● **YOUR GOAL**: For the entries below, state how many lines contain the string "IFCSHAPEREPRESENTATION". Add nothing else.
━━━━━━━━━━━━━━━━━━━━
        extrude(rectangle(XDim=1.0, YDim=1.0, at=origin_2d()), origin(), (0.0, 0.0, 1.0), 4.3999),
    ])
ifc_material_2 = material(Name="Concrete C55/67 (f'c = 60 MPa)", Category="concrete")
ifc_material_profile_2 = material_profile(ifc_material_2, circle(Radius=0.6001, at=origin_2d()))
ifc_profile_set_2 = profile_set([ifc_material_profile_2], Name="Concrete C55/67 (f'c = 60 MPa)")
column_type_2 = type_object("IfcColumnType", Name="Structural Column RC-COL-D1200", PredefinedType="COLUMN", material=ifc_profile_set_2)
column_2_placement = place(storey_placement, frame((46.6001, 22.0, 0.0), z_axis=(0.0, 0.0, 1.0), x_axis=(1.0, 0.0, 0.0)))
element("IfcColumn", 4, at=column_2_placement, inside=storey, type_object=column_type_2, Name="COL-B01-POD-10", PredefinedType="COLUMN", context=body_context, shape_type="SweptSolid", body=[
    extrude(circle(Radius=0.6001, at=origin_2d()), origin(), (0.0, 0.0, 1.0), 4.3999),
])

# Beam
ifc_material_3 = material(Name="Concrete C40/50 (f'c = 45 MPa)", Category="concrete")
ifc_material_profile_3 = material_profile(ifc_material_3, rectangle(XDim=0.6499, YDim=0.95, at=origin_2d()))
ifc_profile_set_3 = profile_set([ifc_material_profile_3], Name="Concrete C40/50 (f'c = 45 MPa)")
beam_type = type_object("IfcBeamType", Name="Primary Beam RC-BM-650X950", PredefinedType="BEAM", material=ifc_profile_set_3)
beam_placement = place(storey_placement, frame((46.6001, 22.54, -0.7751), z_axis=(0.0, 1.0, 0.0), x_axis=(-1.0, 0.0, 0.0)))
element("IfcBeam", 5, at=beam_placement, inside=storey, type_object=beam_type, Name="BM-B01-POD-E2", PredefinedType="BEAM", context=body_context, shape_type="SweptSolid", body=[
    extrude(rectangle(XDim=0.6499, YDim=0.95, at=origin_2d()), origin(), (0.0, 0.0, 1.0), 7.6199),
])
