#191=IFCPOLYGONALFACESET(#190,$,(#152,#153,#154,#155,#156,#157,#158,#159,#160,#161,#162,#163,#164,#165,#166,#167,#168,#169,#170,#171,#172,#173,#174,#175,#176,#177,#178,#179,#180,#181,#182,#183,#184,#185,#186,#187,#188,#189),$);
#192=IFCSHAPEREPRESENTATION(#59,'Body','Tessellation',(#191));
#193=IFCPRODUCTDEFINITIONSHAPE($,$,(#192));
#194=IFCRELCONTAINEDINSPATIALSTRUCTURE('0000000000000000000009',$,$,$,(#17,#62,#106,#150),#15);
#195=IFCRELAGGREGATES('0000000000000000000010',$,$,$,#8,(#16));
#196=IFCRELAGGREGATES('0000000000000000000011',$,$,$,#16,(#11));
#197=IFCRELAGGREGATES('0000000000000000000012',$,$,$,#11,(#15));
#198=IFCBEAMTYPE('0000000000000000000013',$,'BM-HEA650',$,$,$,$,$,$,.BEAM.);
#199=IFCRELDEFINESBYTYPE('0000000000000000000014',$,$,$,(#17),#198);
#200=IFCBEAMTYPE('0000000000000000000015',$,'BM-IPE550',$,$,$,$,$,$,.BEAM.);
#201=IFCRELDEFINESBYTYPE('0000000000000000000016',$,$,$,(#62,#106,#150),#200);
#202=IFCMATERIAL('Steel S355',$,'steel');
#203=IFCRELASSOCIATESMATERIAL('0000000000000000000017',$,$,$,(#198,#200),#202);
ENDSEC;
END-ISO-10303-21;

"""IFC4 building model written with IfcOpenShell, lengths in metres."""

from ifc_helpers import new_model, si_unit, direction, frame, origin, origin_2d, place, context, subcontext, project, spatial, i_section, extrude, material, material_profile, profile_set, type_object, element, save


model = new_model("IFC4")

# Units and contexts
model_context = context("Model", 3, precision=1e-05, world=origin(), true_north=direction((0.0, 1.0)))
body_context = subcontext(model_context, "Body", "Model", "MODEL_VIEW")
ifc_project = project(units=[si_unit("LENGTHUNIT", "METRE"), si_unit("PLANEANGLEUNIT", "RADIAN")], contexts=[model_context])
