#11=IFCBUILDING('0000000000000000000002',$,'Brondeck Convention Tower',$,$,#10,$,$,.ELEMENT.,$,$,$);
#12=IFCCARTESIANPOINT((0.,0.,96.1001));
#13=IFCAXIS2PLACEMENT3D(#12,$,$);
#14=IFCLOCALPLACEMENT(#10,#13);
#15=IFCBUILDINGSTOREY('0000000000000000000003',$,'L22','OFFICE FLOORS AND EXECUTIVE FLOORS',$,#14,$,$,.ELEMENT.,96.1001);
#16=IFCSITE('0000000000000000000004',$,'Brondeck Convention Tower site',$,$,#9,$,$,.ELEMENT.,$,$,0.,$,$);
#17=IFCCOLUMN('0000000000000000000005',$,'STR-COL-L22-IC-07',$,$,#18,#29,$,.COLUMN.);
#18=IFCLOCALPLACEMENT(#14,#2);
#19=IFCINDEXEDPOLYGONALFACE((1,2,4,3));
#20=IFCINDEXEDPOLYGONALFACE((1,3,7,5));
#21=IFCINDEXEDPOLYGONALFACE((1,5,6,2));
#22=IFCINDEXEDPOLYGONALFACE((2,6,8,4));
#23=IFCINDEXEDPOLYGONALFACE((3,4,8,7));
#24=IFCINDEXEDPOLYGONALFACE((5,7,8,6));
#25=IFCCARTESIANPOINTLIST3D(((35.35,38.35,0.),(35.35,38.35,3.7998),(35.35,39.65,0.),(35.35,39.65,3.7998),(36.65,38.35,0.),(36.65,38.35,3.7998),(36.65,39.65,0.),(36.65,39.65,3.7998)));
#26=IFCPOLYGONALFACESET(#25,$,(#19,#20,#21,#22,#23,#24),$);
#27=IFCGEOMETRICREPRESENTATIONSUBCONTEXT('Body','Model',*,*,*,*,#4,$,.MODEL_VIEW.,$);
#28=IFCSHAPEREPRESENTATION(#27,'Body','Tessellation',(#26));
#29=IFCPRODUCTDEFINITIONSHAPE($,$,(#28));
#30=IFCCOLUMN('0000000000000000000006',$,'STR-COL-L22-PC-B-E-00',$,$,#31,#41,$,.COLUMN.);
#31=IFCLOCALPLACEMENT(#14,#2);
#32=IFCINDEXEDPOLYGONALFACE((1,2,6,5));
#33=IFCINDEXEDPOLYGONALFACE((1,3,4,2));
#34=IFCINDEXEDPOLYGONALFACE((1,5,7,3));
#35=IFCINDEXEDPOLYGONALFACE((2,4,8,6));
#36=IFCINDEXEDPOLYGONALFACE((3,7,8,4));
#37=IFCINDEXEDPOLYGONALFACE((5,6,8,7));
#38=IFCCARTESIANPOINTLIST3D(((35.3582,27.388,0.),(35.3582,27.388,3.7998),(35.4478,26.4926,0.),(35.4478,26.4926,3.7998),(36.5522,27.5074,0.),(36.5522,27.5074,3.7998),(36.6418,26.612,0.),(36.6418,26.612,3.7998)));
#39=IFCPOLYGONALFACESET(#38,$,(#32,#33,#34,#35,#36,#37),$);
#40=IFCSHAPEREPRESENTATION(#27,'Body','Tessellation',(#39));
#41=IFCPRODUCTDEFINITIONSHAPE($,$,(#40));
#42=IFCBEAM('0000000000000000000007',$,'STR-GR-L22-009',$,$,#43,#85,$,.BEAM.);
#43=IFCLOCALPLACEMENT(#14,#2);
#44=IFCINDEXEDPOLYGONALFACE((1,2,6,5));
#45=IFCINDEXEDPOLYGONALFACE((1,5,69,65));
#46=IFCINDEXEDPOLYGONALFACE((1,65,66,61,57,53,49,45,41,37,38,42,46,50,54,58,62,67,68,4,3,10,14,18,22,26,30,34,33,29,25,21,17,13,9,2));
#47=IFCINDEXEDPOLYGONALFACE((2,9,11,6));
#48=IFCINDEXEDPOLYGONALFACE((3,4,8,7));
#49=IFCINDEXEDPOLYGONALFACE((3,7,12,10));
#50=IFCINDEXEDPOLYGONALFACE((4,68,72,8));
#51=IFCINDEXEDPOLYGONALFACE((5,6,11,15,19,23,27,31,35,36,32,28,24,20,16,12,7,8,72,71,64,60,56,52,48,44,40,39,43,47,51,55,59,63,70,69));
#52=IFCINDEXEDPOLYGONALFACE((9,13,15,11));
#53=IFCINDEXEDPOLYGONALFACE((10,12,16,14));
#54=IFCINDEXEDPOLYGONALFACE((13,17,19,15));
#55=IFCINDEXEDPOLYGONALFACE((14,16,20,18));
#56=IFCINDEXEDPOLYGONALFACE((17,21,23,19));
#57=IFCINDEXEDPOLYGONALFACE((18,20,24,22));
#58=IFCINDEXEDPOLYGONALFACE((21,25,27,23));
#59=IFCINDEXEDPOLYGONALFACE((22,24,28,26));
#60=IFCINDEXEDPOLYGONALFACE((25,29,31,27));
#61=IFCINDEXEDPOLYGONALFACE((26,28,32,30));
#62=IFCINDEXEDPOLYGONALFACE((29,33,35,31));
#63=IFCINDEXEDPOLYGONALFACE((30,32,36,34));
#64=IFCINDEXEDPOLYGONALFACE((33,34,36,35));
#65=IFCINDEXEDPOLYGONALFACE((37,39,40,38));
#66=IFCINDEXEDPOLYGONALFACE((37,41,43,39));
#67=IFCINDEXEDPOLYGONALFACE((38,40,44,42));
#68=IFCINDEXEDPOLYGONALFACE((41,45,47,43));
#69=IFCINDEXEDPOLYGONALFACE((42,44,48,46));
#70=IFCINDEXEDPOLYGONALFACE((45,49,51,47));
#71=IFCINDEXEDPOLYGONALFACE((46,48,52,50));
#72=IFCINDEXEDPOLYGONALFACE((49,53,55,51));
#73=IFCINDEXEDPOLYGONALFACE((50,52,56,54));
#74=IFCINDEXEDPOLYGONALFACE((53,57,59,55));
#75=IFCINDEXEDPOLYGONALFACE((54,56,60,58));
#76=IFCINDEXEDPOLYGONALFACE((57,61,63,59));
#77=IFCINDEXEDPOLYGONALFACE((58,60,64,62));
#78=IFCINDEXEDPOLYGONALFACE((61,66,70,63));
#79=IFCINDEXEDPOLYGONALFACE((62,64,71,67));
━━━━━━━━━━━━━━━━━━━━
● **TASK RESULT**: 3